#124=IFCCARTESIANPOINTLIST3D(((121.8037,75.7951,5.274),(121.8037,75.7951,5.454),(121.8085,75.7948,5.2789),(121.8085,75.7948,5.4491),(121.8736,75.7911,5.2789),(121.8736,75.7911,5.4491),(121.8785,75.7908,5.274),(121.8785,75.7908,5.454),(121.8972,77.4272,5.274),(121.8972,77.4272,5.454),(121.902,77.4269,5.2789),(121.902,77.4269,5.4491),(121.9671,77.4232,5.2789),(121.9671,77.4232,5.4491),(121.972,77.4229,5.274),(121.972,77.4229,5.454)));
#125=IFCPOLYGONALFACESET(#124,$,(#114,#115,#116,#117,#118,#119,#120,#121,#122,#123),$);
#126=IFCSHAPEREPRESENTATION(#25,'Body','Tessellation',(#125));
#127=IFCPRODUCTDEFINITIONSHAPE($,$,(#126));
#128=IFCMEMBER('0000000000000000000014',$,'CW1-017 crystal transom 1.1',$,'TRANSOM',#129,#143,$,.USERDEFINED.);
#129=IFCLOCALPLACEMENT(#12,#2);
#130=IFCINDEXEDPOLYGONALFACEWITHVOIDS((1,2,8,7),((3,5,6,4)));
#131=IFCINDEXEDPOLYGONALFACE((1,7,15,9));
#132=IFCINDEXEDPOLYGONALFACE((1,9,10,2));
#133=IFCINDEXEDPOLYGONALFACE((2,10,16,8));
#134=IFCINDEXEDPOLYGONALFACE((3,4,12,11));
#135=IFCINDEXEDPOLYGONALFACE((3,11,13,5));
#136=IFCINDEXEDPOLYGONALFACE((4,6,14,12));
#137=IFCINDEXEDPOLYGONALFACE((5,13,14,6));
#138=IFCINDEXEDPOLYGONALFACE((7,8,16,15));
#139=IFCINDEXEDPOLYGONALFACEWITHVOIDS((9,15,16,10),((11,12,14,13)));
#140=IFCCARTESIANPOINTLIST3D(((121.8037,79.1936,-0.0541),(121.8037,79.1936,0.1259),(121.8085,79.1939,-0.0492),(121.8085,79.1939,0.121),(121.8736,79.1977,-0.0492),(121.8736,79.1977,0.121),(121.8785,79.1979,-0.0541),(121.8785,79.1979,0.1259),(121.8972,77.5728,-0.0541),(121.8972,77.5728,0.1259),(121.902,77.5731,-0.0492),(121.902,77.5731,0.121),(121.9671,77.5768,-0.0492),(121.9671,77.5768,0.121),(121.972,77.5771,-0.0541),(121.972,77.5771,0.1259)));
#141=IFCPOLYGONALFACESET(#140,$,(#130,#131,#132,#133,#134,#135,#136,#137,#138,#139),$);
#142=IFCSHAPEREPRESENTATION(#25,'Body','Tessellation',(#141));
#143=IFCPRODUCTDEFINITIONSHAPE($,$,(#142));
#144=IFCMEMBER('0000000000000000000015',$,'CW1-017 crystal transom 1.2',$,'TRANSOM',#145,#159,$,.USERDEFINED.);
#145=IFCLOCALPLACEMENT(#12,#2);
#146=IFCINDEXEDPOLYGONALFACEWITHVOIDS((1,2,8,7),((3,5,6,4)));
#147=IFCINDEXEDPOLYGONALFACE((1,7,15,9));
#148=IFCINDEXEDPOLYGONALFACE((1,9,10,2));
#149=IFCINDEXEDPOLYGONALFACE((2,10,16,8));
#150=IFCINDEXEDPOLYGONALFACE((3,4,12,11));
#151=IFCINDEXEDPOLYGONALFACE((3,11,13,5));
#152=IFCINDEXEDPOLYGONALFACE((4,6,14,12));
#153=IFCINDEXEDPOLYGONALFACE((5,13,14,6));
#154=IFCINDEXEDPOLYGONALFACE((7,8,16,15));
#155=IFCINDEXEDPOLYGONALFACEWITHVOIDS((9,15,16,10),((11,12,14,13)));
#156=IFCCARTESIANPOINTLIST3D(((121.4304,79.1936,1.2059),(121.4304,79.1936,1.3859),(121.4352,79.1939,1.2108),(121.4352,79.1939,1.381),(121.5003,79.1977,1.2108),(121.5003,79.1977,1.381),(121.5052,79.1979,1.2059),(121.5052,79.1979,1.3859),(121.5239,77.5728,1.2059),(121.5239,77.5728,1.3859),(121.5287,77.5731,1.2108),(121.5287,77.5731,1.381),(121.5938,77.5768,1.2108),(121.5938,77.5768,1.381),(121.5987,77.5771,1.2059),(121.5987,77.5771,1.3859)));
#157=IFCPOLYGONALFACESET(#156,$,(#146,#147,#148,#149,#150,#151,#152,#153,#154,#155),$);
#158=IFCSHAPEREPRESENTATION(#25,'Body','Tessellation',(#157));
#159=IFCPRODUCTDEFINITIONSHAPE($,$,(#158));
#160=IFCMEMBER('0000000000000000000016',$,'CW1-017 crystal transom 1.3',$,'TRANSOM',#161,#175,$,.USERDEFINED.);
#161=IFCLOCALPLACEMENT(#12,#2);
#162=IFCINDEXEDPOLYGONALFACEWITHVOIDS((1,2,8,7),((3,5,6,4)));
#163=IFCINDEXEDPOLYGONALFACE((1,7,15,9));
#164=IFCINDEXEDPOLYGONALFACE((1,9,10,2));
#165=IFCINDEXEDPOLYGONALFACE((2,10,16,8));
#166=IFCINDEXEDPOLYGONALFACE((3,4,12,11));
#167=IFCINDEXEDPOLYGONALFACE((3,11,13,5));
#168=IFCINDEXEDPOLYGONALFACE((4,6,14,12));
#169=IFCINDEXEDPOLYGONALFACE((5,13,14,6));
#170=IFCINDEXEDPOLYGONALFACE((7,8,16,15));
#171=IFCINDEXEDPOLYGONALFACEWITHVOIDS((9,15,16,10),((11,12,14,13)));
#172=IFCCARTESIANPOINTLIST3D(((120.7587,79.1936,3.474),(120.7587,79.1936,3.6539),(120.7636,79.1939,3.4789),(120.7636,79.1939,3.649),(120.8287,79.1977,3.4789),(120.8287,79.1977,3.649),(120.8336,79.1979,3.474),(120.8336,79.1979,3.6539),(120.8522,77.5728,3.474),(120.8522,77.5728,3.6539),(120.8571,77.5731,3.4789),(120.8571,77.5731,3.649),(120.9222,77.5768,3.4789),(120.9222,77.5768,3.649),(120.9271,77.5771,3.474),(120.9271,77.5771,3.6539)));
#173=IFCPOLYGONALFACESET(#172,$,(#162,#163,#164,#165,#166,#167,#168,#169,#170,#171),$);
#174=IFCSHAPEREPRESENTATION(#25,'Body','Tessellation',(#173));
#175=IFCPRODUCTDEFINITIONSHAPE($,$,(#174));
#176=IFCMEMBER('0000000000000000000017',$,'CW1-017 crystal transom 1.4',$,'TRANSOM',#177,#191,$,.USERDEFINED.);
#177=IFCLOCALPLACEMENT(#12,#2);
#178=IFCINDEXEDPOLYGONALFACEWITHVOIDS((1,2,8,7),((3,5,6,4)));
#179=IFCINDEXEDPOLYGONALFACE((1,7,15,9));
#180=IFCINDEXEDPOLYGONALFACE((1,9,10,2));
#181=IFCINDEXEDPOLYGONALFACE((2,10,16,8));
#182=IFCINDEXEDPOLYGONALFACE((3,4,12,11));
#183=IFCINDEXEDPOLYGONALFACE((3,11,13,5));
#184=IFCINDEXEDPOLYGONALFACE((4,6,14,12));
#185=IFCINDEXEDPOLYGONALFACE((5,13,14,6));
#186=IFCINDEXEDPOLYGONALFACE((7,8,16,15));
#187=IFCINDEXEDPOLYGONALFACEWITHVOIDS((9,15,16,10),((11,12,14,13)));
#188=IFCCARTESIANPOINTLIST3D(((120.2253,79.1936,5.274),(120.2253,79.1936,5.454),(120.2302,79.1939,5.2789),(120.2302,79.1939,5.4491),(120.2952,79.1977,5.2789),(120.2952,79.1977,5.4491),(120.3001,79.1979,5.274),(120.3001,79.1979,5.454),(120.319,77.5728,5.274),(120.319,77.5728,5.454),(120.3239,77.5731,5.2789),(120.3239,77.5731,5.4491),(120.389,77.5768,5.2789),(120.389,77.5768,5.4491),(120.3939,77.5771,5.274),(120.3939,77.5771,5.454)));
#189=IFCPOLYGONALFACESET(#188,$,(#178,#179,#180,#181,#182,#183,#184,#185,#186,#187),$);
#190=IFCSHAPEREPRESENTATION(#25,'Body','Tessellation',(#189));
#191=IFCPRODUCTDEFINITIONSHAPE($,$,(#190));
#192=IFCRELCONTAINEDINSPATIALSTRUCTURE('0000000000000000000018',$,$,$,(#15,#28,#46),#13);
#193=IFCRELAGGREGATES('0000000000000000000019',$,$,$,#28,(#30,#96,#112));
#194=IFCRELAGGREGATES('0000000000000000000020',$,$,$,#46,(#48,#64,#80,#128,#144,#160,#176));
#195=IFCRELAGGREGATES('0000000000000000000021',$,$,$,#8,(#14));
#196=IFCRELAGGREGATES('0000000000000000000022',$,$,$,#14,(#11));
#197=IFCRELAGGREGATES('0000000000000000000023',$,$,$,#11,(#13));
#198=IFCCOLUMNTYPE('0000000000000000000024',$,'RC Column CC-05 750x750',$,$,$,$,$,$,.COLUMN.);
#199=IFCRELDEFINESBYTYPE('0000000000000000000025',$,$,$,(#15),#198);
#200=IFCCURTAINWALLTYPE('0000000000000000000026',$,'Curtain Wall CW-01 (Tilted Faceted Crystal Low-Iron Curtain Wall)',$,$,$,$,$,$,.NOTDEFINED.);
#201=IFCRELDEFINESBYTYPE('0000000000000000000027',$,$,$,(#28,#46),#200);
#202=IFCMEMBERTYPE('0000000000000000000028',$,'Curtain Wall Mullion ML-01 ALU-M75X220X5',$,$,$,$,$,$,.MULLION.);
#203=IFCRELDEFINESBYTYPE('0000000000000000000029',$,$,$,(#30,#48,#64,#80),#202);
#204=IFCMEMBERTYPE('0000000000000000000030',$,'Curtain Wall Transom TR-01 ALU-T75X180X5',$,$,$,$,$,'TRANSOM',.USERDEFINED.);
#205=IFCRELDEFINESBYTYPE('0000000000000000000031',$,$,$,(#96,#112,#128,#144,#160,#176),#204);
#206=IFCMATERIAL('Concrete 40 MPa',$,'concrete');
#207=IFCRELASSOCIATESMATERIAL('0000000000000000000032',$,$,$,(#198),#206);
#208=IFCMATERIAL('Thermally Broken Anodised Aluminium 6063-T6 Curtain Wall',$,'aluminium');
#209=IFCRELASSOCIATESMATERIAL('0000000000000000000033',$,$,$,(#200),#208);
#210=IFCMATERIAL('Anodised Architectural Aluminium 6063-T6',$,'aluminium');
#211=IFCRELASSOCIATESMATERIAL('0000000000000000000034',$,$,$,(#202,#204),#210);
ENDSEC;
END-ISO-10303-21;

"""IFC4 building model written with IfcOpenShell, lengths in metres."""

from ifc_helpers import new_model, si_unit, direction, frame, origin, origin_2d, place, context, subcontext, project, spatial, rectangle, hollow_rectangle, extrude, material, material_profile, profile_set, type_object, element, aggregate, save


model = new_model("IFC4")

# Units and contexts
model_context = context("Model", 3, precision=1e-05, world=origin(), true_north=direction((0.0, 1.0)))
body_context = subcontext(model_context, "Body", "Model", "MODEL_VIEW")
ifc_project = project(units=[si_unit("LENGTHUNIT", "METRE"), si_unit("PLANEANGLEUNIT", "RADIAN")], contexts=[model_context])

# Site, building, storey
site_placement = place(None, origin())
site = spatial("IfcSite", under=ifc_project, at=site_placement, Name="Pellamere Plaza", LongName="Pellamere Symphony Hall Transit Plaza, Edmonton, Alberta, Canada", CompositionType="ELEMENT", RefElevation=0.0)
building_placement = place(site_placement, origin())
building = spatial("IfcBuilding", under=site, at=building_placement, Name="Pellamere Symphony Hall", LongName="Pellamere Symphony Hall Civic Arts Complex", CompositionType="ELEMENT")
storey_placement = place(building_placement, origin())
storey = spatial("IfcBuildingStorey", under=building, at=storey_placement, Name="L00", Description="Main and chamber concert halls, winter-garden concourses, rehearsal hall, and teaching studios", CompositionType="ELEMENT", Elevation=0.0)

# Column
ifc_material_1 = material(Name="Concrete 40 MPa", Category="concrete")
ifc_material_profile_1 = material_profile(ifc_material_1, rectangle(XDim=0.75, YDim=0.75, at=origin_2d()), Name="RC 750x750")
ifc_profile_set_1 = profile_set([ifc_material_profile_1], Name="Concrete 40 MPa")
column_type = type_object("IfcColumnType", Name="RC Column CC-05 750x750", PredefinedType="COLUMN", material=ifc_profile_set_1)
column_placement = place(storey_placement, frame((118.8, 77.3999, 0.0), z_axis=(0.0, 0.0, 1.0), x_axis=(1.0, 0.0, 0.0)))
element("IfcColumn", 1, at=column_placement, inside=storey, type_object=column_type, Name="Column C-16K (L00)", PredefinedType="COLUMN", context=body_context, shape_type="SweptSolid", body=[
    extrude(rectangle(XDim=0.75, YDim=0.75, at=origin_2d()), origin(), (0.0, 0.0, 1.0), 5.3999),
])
....
| Required action |
State the number of lines in the material above that hold the word "aluminium", adding nothing else.

| Output |
2